▸ WHAT TO WORK ON: Copy out all the entries word for word.

======== ENTRIES SHOWN

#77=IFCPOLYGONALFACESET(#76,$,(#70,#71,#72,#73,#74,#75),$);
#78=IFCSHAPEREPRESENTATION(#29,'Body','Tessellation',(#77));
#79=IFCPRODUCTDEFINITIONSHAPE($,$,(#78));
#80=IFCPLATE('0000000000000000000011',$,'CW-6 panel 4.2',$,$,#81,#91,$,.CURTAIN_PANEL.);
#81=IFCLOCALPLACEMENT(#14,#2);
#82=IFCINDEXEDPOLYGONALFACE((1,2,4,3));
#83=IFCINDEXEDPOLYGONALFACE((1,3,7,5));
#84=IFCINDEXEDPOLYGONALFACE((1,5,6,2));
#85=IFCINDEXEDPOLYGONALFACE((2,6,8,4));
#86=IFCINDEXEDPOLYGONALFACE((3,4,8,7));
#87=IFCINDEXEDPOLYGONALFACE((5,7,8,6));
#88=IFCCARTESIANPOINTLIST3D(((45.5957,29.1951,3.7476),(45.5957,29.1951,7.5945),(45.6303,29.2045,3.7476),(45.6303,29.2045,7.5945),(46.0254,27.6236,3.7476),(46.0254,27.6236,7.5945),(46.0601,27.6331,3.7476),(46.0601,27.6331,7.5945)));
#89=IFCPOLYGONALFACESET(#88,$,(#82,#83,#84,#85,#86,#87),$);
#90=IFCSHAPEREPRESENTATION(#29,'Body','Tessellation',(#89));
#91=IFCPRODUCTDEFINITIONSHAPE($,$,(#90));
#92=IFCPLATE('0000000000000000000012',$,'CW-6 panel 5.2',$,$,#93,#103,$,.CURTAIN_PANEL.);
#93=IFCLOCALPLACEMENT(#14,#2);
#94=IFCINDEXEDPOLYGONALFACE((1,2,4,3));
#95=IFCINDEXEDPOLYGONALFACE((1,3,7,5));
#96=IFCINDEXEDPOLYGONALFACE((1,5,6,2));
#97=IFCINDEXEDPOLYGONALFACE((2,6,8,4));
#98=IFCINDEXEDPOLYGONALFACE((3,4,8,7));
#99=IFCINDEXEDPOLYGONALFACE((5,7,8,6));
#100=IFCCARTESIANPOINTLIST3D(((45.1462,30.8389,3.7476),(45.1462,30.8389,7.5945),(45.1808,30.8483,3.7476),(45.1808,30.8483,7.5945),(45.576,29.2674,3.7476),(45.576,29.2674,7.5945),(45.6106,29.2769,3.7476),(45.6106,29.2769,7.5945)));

================

▸ ANSWER BELOW:
#77=IFCPOLYGONALFACESET(#76,$,(#70,#71,#72,#73,#74,#75),$);
#78=IFCSHAPEREPRESENTATION(#29,'Body','Tessellation',(#77));
#79=IFCPRODUCTDEFINITIONSHAPE($,$,(#78));
#80=IFCPLATE('0000000000000000000011',$,'CW-6 panel 4.2',$,$,#81,#91,$,.CURTAIN_PANEL.);
#81=IFCLOCALPLACEMENT(#14,#2);
#82=IFCINDEXEDPOLYGONALFACE((1,2,4,3));
#83=IFCINDEXEDPOLYGONALFACE((1,3,7,5));
#84=IFCINDEXEDPOLYGONALFACE((1,5,6,2));
#85=IFCINDEXEDPOLYGONALFACE((2,6,8,4));
#86=IFCINDEXEDPOLYGONALFACE((3,4,8,7));
#87=IFCINDEXEDPOLYGONALFACE((5,7,8,6));
#88=IFCCARTESIANPOINTLIST3D(((45.5957,29.1951,3.7476),(45.5957,29.1951,7.5945),(45.6303,29.2045,3.7476),(45.6303,29.2045,7.5945),(46.0254,27.6236,3.7476),(46.0254,27.6236,7.5945),(46.0601,27.6331,3.7476),(46.0601,27.6331,7.5945)));
#89=IFCPOLYGONALFACESET(#88,$,(#82,#83,#84,#85,#86,#87),$);
#90=IFCSHAPEREPRESENTATION(#29,'Body','Tessellation',(#89));
#91=IFCPRODUCTDEFINITIONSHAPE($,$,(#90));
#92=IFCPLATE('0000000000000000000012',$,'CW-6 panel 5.2',$,$,#93,#103,$,.CURTAIN_PANEL.);
#93=IFCLOCALPLACEMENT(#14,#2);
#94=IFCINDEXEDPOLYGONALFACE((1,2,4,3));
#95=IFCINDEXEDPOLYGONALFACE((1,3,7,5));
#96=IFCINDEXEDPOLYGONALFACE((1,5,6,2));
#97=IFCINDEXEDPOLYGONALFACE((2,6,8,4));
#98=IFCINDEXEDPOLYGONALFACE((3,4,8,7));
#99=IFCINDEXEDPOLYGONALFACE((5,7,8,6));
#100=IFCCARTESIANPOINTLIST3D(((45.1462,30.8389,3.7476),(45.1462,30.8389,7.5945),(45.1808,30.8483,3.7476),(45.1808,30.8483,7.5945),(45.576,29.2674,3.7476),(45.576,29.2674,7.5945),(45.6106,29.2769,3.7476),(45.6106,29.2769,7.5945)));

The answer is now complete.